Problem details:
Please give back, word for word, only the lines starting at the one containing "#67=IFCINDEXEDPOLYGONALFACEWITHVOIDS((2,14,16,4),((6,8,12,10)));" and ending at the one containing "#72=IFCINDEXEDPOLYGONALFACE((9,10,12,11));" within the material below.

Data for analysis:
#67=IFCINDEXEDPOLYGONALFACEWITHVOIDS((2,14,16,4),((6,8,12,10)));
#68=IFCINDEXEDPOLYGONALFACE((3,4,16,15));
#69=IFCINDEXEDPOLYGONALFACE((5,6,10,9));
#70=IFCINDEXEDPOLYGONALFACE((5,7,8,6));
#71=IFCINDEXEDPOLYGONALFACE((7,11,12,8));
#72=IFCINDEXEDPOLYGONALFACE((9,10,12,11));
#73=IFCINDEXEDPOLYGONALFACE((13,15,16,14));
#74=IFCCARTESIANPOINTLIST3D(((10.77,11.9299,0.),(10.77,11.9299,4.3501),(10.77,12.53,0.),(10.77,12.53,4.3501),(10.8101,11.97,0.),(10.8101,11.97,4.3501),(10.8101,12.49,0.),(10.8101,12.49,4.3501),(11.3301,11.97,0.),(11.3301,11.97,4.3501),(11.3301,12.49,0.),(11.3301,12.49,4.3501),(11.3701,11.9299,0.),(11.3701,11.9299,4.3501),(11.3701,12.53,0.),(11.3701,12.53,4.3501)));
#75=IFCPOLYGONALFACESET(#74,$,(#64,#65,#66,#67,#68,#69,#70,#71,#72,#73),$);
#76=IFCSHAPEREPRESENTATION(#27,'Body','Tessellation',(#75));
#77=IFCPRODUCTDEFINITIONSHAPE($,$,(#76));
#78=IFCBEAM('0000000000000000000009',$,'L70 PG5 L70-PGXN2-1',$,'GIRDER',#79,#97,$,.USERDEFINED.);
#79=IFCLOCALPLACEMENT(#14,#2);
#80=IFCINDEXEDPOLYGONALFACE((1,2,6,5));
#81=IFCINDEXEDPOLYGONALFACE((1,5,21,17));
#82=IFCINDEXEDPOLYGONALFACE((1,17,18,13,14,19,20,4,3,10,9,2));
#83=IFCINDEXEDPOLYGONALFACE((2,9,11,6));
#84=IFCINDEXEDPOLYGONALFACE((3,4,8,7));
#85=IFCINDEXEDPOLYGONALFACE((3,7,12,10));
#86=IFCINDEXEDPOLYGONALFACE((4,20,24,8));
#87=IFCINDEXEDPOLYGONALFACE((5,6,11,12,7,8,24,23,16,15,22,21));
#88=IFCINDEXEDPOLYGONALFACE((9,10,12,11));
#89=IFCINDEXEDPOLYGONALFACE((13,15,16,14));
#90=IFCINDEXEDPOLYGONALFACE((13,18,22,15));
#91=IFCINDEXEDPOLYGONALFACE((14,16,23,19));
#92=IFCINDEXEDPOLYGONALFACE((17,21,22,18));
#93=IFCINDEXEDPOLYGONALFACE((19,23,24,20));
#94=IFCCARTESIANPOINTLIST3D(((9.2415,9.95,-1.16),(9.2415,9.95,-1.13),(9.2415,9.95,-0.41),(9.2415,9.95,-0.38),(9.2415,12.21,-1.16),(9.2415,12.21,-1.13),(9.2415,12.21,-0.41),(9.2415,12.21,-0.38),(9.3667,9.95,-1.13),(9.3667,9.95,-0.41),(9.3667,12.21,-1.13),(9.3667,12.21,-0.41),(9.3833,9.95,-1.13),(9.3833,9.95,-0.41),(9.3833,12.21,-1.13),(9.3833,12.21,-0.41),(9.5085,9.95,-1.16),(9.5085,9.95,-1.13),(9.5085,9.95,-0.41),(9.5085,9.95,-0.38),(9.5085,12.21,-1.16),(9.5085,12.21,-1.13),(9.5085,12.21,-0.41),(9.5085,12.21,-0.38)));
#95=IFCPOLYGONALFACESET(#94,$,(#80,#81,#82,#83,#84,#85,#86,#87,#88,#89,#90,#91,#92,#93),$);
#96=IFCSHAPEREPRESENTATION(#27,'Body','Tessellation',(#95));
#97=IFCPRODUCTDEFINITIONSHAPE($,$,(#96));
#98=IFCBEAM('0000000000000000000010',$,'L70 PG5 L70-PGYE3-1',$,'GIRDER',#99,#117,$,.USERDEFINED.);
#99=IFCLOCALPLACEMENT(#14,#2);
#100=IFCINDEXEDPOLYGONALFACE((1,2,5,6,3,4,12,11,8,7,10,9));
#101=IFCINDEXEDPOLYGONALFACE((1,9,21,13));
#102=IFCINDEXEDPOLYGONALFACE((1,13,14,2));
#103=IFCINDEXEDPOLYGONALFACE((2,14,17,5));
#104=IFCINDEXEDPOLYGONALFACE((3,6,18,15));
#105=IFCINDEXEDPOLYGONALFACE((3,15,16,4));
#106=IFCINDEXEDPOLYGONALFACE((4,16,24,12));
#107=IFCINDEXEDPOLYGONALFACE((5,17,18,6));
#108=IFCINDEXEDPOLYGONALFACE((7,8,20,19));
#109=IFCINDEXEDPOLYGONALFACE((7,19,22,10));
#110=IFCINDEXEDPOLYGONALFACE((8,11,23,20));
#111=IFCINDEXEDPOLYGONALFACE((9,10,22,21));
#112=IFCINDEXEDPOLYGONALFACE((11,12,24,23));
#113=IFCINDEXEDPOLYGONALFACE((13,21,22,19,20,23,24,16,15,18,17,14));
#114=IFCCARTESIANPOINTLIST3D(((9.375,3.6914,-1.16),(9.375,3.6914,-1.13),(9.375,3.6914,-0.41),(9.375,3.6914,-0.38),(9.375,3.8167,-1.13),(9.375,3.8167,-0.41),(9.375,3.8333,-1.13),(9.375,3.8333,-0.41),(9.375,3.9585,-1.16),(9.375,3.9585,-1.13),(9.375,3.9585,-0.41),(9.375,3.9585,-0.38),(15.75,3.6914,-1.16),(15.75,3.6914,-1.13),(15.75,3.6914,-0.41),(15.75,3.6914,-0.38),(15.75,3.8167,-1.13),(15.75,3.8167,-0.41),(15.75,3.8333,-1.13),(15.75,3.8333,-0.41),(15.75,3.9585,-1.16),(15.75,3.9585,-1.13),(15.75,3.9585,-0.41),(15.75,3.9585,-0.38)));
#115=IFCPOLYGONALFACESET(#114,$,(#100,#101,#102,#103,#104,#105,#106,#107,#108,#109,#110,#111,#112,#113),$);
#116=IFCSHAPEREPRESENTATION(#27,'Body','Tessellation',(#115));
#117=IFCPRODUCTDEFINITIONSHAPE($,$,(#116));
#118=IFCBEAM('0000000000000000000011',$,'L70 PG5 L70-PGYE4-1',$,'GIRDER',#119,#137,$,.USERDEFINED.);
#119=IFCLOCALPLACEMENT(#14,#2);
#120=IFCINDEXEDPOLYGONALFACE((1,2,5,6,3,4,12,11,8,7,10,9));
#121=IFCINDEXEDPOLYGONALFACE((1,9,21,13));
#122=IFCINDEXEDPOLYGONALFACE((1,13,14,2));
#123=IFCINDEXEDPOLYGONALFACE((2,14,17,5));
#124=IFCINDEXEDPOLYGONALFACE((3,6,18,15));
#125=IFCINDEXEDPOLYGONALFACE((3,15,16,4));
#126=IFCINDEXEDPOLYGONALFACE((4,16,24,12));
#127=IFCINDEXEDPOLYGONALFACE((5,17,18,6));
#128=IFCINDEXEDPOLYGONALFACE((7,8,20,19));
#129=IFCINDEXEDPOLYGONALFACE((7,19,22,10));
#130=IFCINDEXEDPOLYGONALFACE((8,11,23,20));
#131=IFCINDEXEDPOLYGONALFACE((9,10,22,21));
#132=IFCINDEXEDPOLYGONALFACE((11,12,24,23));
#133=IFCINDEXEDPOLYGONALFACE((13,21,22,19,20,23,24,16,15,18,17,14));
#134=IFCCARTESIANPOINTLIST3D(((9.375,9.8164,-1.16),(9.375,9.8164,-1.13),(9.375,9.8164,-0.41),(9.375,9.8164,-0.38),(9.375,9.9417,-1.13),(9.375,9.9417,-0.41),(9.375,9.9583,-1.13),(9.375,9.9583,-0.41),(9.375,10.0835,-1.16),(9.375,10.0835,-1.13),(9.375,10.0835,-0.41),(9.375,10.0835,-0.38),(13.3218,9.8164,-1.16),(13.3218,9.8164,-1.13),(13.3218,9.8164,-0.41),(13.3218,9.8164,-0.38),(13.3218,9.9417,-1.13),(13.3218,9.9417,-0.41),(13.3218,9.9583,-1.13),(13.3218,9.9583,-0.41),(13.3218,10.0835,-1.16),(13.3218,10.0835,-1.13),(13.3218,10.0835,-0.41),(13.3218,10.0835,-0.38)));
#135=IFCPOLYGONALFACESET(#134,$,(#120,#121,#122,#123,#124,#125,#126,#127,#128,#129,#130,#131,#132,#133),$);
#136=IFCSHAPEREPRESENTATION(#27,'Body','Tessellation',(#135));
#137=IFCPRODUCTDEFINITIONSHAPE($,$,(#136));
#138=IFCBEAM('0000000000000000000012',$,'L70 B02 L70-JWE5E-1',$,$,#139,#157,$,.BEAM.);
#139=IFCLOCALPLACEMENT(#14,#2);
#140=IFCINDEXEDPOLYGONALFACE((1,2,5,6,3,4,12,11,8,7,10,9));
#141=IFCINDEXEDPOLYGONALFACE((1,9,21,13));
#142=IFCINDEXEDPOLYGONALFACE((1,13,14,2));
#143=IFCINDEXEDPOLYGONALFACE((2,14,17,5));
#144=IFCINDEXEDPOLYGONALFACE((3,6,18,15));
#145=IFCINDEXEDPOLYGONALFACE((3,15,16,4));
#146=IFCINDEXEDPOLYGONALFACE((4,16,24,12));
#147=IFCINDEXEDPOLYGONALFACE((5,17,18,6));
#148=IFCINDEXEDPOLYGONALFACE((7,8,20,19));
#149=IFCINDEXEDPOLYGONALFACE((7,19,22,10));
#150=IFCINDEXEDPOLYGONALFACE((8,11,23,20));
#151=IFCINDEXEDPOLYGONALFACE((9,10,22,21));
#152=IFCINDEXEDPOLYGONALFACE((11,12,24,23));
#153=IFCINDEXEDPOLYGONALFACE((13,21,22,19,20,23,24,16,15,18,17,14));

...

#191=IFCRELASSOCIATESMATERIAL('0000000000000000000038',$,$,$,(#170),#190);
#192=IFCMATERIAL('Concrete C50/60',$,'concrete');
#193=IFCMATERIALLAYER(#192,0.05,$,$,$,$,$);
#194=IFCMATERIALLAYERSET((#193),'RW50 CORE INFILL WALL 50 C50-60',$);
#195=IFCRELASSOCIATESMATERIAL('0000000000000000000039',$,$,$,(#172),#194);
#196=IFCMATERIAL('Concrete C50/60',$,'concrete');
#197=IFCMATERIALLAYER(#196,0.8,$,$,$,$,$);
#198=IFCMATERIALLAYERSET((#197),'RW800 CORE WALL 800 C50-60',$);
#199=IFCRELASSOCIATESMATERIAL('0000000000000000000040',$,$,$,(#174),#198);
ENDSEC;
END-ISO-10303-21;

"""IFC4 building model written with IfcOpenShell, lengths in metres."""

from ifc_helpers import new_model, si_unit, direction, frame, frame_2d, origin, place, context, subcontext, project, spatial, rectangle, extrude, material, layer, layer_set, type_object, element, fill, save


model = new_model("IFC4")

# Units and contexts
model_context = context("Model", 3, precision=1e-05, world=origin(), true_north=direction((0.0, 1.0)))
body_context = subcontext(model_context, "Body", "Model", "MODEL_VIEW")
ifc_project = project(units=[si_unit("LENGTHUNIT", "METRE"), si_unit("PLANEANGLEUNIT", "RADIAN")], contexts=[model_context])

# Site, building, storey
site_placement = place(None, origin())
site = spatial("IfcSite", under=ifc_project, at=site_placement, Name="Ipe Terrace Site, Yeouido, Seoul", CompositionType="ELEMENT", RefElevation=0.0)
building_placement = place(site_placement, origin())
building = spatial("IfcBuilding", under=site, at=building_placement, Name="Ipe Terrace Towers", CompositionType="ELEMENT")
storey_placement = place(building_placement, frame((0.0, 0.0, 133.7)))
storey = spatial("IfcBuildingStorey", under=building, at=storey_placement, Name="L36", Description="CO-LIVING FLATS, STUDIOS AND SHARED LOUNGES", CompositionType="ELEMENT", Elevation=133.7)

* * *

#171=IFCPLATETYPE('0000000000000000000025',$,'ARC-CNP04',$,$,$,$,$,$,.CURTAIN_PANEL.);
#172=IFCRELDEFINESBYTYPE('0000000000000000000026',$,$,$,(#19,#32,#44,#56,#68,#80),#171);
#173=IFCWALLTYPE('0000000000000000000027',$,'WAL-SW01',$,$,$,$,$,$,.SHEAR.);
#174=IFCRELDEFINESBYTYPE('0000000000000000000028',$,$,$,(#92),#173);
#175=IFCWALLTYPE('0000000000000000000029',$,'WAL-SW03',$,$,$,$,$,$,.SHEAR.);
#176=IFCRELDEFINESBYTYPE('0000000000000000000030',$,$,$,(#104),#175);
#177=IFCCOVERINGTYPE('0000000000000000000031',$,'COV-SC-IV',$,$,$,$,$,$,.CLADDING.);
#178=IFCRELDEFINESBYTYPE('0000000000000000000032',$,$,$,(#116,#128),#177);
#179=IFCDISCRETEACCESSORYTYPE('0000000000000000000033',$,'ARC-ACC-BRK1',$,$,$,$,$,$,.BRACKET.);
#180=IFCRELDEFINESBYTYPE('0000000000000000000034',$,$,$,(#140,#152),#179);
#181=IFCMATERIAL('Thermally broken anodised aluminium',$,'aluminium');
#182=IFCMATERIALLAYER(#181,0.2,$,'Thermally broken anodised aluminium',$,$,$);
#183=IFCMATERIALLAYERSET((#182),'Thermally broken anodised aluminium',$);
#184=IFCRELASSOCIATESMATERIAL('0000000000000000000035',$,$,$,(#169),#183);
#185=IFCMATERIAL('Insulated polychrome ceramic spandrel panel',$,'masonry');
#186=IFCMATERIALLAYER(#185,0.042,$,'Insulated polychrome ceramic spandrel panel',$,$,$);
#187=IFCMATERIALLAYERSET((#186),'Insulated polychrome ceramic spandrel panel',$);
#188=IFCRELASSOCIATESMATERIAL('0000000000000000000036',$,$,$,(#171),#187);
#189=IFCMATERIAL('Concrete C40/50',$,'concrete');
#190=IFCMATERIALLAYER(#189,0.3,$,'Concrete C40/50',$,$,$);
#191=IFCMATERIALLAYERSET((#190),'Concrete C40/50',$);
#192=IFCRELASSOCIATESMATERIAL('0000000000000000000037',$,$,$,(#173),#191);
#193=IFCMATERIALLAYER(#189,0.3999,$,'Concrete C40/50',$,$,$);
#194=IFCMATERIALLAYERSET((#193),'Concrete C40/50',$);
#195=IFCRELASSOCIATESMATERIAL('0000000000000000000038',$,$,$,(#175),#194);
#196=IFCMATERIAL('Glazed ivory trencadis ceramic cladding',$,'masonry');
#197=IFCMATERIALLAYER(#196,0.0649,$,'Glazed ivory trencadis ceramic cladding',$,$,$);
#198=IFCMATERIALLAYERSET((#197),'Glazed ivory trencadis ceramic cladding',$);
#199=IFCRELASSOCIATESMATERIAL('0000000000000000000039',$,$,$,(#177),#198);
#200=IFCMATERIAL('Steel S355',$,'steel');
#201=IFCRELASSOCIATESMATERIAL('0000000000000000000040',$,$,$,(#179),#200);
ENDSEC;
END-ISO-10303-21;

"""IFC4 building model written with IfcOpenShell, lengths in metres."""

Response to this exercise:
#67=IFCINDEXEDPOLYGONALFACEWITHVOIDS((2,14,16,4),((6,8,12,10)));
#68=IFCINDEXEDPOLYGONALFACE((3,4,16,15));
#69=IFCINDEXEDPOLYGONALFACE((5,6,10,9));
#70=IFCINDEXEDPOLYGONALFACE((5,7,8,6));
#71=IFCINDEXEDPOLYGONALFACE((7,11,12,8));
#72=IFCINDEXEDPOLYGONALFACE((9,10,12,11));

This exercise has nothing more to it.